_Task to carry out_: The output is the lines below from the one with "#148=IFCMATERIAL('Concrete C60/75',$,'concrete');" through the one with "#158=IFCMATERIALLAYERSET((#157),'Gypsum Plasterboard',$);", both included, printed exactly and with no other line.
=-=-=-=-=
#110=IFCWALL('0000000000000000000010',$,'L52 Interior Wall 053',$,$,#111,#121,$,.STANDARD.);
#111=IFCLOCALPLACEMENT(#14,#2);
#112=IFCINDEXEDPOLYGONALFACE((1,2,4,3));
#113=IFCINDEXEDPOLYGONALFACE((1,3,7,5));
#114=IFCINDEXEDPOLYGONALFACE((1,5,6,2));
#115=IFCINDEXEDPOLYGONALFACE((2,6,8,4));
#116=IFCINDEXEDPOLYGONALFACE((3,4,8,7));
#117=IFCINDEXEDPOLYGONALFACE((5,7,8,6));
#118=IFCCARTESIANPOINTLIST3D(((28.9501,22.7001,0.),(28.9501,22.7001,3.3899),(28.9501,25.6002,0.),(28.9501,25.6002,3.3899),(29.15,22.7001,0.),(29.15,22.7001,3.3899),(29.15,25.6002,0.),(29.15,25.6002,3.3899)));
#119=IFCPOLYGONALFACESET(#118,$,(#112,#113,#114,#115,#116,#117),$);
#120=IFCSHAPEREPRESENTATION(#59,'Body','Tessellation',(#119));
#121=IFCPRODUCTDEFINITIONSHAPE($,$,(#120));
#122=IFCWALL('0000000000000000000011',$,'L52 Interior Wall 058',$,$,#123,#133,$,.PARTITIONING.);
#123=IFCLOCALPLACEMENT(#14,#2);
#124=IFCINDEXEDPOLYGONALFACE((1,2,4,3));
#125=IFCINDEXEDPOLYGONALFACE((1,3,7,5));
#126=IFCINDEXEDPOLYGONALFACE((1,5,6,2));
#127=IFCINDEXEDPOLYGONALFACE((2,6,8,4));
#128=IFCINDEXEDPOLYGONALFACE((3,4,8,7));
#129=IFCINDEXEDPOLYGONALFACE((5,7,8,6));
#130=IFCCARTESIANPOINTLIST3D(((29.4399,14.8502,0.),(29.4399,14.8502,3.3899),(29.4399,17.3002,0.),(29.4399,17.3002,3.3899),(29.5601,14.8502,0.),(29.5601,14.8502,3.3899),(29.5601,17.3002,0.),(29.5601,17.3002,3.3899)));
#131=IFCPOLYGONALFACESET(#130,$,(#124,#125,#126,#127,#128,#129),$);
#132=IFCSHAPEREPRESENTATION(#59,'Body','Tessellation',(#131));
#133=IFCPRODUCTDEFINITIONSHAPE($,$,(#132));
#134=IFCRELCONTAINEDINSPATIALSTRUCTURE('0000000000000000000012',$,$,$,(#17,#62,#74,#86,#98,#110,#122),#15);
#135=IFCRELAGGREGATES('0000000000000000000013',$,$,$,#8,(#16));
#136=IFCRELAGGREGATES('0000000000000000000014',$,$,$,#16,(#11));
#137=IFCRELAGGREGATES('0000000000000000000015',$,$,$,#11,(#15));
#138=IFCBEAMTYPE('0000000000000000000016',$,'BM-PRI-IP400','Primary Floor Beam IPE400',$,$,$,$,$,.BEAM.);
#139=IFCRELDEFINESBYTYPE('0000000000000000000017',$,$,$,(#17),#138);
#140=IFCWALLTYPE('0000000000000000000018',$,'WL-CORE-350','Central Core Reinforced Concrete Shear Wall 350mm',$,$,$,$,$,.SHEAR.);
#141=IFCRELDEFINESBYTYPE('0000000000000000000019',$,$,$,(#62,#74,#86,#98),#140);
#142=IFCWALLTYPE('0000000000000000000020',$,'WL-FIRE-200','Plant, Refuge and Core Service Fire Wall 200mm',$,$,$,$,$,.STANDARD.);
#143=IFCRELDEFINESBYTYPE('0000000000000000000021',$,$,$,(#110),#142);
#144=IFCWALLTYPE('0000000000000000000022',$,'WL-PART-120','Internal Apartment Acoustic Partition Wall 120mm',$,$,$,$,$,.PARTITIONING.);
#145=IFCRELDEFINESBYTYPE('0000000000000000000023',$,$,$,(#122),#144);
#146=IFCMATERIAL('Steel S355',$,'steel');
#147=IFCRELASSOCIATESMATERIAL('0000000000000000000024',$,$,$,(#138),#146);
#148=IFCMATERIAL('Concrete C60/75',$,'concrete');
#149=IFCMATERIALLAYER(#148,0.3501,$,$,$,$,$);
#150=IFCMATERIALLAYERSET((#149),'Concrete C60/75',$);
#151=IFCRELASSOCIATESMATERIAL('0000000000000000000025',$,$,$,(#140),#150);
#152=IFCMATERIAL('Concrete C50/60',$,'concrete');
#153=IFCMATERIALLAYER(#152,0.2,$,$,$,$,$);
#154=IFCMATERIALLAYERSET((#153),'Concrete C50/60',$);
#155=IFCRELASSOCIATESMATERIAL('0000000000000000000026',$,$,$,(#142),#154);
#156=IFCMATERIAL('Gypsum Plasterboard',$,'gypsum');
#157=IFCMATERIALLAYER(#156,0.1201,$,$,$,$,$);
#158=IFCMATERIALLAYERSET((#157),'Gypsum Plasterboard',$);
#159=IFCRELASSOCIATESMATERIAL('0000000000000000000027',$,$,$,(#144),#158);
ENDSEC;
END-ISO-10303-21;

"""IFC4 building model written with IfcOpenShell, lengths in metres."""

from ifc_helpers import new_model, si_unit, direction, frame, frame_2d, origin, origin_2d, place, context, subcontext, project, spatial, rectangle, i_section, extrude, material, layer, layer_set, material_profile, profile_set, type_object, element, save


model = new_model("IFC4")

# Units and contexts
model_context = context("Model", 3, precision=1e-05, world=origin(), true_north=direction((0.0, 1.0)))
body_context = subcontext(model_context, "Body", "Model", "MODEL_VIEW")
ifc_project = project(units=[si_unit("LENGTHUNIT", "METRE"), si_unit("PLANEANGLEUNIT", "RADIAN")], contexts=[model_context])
=-=-=-=-=
_Reply_:
#148=IFCMATERIAL('Concrete C60/75',$,'concrete');
#149=IFCMATERIALLAYER(#148,0.3501,$,$,$,$,$);
#150=IFCMATERIALLAYERSET((#149),'Concrete C60/75',$);
#151=IFCRELASSOCIATESMATERIAL('0000000000000000000025',$,$,$,(#140),#150);
#152=IFCMATERIAL('Concrete C50/60',$,'concrete');
#153=IFCMATERIALLAYER(#152,0.2,$,$,$,$,$);
#154=IFCMATERIALLAYERSET((#153),'Concrete C50/60',$);
#155=IFCRELASSOCIATESMATERIAL('0000000000000000000026',$,$,$,(#142),#154);
#156=IFCMATERIAL('Gypsum Plasterboard',$,'gypsum');
#157=IFCMATERIALLAYER(#156,0.1201,$,$,$,$,$);
#158=IFCMATERIALLAYERSET((#157),'Gypsum Plasterboard',$);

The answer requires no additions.